Your task is to repeat exactly the lines below between the line holding "#143=IFCINDEXEDPOLYGONALFACE((101,103,107,105));" and the line holding "#147=IFCINDEXEDPOLYGONALFACE((109,111,112,110));", inclusive, and only those.

+++ DATA LISTING

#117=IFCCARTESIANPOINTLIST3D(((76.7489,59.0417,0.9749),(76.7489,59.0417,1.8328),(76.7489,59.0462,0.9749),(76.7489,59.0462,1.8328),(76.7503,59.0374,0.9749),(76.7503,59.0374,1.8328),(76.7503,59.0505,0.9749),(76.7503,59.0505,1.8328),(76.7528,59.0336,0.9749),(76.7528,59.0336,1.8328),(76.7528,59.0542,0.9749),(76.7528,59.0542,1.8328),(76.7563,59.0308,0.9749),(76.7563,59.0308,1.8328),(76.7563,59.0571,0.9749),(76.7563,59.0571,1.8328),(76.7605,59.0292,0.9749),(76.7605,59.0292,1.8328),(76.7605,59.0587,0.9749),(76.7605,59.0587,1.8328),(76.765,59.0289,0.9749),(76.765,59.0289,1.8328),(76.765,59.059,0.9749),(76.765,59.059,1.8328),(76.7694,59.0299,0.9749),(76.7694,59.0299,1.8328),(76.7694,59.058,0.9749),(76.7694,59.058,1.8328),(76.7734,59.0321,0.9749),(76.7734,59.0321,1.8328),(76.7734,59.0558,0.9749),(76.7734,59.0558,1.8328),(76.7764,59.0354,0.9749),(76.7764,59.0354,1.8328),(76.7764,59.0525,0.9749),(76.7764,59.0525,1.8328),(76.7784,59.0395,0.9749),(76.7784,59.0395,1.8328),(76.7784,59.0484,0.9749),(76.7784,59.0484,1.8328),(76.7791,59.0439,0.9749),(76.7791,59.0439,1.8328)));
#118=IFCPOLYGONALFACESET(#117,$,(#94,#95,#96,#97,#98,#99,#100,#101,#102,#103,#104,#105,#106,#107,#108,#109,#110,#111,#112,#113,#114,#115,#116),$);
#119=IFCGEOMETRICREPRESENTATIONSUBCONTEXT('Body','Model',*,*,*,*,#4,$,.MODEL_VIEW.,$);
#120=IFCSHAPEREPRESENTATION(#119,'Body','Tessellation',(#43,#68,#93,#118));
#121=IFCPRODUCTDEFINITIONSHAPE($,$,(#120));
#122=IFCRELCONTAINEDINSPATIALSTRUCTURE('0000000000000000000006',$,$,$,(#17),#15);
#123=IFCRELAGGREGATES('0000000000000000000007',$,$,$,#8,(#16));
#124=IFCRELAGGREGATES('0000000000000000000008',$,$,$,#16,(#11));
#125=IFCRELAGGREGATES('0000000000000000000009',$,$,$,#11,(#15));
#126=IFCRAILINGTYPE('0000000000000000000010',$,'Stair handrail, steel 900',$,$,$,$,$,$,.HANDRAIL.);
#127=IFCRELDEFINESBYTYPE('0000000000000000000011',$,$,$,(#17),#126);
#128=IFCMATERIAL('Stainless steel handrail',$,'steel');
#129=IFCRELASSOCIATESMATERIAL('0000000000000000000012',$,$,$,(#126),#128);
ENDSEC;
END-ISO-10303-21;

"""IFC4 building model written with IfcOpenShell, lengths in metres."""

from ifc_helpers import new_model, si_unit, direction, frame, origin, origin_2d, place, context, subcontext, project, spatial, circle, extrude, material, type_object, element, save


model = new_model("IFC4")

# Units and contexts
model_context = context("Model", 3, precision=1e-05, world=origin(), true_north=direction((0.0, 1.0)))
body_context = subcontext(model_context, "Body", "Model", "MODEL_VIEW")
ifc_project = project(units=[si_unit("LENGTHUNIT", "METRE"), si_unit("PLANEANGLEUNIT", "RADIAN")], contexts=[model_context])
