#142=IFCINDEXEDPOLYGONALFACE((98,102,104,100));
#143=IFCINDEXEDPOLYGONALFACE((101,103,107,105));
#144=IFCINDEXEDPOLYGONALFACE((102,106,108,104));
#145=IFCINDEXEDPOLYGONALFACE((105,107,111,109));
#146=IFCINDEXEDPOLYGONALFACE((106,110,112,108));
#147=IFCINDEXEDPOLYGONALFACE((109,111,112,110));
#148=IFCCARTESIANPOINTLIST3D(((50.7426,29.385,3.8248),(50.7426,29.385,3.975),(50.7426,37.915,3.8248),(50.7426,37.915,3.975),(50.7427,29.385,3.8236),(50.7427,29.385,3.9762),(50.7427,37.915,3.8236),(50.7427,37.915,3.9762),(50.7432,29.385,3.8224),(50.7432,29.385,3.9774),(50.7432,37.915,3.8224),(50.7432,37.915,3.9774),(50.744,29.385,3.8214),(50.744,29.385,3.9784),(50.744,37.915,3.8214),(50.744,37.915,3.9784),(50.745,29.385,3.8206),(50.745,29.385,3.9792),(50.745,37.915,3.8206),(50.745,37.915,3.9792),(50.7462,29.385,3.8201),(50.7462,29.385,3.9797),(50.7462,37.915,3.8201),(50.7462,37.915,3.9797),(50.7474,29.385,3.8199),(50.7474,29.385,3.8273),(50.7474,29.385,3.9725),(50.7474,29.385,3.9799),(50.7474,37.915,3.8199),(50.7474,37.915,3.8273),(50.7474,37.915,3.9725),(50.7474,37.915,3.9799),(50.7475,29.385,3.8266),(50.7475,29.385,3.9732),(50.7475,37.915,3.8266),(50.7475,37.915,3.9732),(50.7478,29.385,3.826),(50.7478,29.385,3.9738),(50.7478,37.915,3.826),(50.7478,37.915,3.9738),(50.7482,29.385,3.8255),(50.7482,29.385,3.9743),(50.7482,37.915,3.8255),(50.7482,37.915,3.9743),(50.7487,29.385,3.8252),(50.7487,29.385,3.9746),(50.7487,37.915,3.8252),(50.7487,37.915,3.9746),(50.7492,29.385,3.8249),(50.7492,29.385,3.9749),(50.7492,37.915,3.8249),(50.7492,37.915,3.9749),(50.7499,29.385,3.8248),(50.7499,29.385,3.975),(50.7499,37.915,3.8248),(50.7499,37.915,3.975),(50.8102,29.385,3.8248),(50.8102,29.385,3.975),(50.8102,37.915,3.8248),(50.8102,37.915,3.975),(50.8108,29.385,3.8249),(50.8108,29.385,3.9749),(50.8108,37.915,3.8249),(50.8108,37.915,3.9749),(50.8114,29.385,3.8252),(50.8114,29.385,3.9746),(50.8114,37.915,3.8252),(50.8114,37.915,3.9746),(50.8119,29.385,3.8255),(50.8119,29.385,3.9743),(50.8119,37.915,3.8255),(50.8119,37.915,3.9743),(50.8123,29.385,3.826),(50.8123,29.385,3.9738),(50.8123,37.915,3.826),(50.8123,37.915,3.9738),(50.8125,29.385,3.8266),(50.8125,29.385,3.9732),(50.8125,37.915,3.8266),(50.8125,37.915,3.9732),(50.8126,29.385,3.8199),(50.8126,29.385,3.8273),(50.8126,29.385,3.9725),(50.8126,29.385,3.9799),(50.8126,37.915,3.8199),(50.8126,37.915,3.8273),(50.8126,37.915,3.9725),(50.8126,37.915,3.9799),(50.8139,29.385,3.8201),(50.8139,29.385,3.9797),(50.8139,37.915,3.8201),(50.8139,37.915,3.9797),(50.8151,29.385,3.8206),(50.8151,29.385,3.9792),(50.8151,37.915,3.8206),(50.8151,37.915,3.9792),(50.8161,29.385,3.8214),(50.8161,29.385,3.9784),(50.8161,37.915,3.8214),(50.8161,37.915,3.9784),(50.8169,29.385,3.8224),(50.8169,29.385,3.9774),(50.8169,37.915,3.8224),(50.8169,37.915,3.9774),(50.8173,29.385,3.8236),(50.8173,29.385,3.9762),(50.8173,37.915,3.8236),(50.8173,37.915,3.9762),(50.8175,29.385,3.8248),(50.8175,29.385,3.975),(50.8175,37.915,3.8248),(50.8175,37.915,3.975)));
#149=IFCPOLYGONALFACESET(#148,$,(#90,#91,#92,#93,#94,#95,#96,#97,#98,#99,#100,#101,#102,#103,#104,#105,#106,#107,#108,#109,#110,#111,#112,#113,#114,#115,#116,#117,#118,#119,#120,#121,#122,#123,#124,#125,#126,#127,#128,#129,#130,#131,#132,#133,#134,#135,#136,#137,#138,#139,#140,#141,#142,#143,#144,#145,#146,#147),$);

++++++

# COMPLETED TASK
#143=IFCINDEXEDPOLYGONALFACE((101,103,107,105));
#144=IFCINDEXEDPOLYGONALFACE((102,106,108,104));
#145=IFCINDEXEDPOLYGONALFACE((105,107,111,109));
#146=IFCINDEXEDPOLYGONALFACE((106,110,112,108));
#147=IFCINDEXEDPOLYGONALFACE((109,111,112,110));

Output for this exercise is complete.